*** Block opens ***

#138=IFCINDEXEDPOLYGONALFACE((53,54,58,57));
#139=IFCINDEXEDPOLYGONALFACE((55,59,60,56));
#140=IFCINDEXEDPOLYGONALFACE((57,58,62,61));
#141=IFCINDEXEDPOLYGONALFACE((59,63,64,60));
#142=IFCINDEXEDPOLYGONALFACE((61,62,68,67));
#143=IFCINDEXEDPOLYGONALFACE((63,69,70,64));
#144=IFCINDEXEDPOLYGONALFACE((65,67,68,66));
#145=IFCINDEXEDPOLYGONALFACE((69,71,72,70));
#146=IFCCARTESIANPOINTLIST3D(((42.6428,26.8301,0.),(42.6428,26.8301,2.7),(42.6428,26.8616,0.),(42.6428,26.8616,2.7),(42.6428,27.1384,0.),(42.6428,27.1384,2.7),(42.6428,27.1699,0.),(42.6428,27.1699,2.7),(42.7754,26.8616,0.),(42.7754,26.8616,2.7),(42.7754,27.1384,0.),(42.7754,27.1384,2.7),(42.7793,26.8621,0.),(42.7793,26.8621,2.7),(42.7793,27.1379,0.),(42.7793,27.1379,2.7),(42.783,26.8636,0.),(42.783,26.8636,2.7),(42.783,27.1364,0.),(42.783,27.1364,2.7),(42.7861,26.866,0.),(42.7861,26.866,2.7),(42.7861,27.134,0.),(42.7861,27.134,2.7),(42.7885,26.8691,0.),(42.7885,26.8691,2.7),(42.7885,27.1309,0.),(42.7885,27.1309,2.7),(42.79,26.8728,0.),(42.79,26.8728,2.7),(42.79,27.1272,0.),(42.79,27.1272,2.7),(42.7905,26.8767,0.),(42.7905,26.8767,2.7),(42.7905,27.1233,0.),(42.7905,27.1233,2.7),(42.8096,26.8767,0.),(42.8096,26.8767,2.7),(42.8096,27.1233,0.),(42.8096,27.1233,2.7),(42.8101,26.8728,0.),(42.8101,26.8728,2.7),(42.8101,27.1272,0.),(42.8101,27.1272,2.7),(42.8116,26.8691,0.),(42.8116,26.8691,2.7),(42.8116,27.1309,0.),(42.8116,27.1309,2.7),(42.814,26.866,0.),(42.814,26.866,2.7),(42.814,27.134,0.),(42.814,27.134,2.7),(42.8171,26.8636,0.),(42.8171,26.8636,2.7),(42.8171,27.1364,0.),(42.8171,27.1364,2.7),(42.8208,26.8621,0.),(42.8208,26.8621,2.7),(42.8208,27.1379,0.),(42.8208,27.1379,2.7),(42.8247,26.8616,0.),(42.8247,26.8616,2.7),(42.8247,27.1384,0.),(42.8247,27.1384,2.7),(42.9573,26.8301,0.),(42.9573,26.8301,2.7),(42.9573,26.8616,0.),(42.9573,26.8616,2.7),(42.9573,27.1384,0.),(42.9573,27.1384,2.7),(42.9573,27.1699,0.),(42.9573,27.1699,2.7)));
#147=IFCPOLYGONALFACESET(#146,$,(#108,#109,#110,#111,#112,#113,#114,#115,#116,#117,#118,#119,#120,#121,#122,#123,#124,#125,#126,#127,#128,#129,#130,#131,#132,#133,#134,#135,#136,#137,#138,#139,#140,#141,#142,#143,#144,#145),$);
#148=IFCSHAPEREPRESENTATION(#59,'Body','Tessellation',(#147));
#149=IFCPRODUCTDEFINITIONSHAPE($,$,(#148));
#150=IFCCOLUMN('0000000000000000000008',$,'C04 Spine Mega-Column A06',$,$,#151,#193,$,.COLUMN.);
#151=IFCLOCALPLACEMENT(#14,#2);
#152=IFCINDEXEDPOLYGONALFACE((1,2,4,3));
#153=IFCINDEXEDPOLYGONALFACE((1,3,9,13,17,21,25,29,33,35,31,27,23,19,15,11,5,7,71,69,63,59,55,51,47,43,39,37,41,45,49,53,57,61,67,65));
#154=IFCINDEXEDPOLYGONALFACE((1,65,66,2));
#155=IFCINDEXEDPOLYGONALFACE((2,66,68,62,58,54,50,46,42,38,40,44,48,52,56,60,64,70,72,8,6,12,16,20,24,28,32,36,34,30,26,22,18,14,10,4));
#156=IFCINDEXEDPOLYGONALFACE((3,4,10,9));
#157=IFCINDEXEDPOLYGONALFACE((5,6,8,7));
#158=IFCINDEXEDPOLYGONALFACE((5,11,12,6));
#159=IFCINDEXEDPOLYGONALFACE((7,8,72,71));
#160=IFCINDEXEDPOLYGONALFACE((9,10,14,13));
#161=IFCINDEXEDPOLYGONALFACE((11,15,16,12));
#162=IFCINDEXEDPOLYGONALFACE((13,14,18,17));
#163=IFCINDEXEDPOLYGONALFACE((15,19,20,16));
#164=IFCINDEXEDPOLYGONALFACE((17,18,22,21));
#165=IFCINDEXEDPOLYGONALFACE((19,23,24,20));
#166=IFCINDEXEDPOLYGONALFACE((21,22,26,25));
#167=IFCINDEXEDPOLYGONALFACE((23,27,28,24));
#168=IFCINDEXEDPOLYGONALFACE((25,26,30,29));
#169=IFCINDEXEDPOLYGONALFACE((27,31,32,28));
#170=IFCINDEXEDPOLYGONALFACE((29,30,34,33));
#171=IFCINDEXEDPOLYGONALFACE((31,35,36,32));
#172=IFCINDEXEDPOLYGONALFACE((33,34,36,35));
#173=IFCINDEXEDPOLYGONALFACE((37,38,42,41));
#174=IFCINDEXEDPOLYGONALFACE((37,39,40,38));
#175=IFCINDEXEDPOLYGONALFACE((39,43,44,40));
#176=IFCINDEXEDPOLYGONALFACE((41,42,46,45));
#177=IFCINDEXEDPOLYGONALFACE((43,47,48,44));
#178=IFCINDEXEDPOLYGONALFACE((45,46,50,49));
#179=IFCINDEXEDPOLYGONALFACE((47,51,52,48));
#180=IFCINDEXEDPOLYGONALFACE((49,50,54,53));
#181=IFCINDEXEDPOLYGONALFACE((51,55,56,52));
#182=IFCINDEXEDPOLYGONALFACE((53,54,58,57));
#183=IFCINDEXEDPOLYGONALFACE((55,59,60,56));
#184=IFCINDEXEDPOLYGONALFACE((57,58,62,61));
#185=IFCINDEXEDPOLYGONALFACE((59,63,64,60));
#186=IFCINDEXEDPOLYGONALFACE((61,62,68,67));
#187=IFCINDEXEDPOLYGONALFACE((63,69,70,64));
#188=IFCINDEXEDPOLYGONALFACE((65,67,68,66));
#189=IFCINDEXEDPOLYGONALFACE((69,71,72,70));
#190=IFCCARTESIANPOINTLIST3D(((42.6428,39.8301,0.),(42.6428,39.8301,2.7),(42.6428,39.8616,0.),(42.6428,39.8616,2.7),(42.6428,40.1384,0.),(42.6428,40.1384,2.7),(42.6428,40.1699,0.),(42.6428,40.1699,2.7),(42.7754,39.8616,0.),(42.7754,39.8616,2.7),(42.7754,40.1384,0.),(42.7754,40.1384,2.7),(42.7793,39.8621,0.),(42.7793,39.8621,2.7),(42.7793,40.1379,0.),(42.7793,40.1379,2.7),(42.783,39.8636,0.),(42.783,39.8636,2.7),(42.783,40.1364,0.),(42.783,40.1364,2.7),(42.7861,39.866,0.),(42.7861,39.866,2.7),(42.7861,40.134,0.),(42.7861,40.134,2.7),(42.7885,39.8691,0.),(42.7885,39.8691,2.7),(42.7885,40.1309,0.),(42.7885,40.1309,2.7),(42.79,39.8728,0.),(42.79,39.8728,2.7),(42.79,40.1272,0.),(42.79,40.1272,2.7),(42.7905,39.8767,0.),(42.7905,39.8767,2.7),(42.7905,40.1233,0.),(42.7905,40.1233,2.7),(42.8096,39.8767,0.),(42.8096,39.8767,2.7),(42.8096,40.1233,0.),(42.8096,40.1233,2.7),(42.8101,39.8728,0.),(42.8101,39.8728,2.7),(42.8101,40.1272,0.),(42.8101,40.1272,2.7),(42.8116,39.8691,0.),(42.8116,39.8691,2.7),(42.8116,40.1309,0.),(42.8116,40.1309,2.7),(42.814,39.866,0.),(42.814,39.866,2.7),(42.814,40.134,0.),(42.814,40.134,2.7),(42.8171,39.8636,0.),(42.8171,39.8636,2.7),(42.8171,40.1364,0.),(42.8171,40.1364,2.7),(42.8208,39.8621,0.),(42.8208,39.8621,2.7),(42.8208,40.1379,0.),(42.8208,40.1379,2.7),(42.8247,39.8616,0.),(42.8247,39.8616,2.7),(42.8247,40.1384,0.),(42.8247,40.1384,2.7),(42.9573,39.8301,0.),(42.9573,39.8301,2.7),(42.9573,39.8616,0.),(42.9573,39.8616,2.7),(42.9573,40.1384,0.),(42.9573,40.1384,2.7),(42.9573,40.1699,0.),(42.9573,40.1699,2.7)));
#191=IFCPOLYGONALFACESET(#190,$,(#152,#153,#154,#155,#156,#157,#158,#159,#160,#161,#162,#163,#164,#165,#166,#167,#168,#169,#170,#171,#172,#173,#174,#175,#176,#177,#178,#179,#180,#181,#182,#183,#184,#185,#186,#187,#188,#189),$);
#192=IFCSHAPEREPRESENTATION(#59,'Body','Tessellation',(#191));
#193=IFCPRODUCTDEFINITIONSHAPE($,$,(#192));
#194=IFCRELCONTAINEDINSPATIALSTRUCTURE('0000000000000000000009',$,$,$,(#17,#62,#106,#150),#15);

*** Block closes ***

Using the data above, extract exactly the lines from the one that holds "#150=IFCCOLUMN('0000000000000000000008',$,'C04 Spine Mega-Column" to the one that holds "#162=IFCINDEXEDPOLYGONALFACE((13,14,18,17));", both ends included, and no others.

#150=IFCCOLUMN('0000000000000000000008',$,'C04 Spine Mega-Column A06',$,$,#151,#193,$,.COLUMN.);
#151=IFCLOCALPLACEMENT(#14,#2);
#152=IFCINDEXEDPOLYGONALFACE((1,2,4,3));
#153=IFCINDEXEDPOLYGONALFACE((1,3,9,13,17,21,25,29,33,35,31,27,23,19,15,11,5,7,71,69,63,59,55,51,47,43,39,37,41,45,49,53,57,61,67,65));
#154=IFCINDEXEDPOLYGONALFACE((1,65,66,2));
#155=IFCINDEXEDPOLYGONALFACE((2,66,68,62,58,54,50,46,42,38,40,44,48,52,56,60,64,70,72,8,6,12,16,20,24,28,32,36,34,30,26,22,18,14,10,4));
#156=IFCINDEXEDPOLYGONALFACE((3,4,10,9));
#157=IFCINDEXEDPOLYGONALFACE((5,6,8,7));
#158=IFCINDEXEDPOLYGONALFACE((5,11,12,6));
#159=IFCINDEXEDPOLYGONALFACE((7,8,72,71));
#160=IFCINDEXEDPOLYGONALFACE((9,10,14,13));
#161=IFCINDEXEDPOLYGONALFACE((11,15,16,12));
#162=IFCINDEXEDPOLYGONALFACE((13,14,18,17));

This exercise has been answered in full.